Your instructions:
In the entries below, find every line holding the string "Concrete" and collect it.
::: Data under study
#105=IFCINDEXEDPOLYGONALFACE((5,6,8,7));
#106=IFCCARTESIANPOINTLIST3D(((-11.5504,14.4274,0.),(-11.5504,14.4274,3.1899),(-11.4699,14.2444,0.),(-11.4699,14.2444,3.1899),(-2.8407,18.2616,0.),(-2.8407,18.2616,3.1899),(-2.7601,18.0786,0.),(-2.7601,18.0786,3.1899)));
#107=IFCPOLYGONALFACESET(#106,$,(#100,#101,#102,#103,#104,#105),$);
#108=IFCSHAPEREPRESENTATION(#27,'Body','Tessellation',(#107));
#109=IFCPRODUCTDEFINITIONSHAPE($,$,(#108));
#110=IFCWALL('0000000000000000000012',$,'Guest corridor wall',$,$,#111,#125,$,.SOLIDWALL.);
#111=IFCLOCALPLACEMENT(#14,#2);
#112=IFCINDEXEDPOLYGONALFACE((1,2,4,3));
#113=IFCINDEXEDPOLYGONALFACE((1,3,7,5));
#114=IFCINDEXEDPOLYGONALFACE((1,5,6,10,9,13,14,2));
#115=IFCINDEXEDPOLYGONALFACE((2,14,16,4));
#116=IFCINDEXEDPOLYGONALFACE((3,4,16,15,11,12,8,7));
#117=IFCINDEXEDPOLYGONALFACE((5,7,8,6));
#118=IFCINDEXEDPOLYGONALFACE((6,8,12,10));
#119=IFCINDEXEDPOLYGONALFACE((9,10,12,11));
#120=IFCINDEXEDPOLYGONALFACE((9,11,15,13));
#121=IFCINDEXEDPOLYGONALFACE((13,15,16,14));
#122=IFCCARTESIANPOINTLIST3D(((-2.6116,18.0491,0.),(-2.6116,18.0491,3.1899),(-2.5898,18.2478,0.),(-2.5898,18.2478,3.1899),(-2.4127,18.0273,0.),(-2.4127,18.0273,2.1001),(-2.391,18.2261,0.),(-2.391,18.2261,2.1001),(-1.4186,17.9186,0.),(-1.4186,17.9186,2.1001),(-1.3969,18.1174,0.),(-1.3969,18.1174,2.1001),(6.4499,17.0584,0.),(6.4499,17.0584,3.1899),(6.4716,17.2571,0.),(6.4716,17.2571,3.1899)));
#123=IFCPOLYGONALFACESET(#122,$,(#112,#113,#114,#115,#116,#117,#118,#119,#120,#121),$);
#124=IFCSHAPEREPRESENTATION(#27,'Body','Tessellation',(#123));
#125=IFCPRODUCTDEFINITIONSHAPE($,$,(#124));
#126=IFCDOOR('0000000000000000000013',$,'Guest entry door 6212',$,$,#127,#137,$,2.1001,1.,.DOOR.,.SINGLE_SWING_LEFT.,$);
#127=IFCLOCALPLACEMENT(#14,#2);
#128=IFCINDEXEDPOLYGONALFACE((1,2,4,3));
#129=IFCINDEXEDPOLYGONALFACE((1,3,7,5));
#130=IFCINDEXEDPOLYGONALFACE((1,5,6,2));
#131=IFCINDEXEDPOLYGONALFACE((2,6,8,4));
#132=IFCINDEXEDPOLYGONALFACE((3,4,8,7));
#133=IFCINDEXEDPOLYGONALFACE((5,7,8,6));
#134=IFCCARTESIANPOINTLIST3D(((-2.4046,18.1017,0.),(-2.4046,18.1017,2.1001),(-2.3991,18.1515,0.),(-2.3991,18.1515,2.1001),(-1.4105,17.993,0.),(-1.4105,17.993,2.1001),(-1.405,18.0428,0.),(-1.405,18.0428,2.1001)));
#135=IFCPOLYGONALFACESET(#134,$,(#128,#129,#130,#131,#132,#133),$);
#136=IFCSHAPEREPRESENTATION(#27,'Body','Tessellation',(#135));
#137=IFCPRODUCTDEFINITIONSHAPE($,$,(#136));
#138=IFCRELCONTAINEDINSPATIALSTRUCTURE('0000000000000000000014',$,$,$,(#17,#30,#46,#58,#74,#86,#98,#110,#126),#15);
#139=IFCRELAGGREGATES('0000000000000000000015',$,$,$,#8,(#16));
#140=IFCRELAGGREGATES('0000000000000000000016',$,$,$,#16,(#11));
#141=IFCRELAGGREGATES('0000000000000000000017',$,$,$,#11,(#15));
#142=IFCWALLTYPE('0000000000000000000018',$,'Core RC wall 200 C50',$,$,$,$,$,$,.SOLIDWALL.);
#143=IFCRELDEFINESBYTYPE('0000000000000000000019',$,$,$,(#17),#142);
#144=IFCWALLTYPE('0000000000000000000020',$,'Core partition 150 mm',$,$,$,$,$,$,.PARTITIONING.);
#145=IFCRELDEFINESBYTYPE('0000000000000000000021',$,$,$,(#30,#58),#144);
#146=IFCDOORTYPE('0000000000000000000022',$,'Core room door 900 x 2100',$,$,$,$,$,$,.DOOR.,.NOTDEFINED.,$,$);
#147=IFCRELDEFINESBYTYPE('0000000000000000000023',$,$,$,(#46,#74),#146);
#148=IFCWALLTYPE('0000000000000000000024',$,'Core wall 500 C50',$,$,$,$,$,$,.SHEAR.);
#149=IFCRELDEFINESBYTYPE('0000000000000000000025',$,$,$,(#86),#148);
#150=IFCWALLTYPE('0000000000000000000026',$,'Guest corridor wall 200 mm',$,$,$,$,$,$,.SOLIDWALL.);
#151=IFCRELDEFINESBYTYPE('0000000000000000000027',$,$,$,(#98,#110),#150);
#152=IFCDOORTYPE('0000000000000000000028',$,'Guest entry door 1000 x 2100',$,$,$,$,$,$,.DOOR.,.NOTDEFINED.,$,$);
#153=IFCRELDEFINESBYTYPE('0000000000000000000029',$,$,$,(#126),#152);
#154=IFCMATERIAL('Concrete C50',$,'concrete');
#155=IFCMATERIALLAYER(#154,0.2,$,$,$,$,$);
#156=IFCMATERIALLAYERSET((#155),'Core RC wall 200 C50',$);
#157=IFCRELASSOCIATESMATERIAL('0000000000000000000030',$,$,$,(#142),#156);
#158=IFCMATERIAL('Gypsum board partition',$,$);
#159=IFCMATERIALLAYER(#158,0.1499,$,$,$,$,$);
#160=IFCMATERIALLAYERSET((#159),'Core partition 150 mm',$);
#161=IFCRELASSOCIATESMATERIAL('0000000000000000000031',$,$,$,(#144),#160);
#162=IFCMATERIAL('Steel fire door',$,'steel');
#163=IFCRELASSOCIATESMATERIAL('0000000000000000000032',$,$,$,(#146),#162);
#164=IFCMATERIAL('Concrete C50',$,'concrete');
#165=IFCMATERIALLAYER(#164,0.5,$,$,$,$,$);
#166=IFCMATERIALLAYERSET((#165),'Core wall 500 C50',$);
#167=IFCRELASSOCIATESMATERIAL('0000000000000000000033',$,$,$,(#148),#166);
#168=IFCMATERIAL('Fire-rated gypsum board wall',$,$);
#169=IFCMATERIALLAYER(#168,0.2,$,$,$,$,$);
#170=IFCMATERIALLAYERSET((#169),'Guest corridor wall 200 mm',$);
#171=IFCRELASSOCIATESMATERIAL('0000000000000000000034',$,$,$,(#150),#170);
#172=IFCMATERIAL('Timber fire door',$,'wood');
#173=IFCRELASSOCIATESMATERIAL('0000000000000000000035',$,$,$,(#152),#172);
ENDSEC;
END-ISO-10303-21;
::::::
Your solution:
#154=IFCMATERIAL('Concrete C50',$,'concrete');
#164=IFCMATERIAL('Concrete C50',$,'concrete');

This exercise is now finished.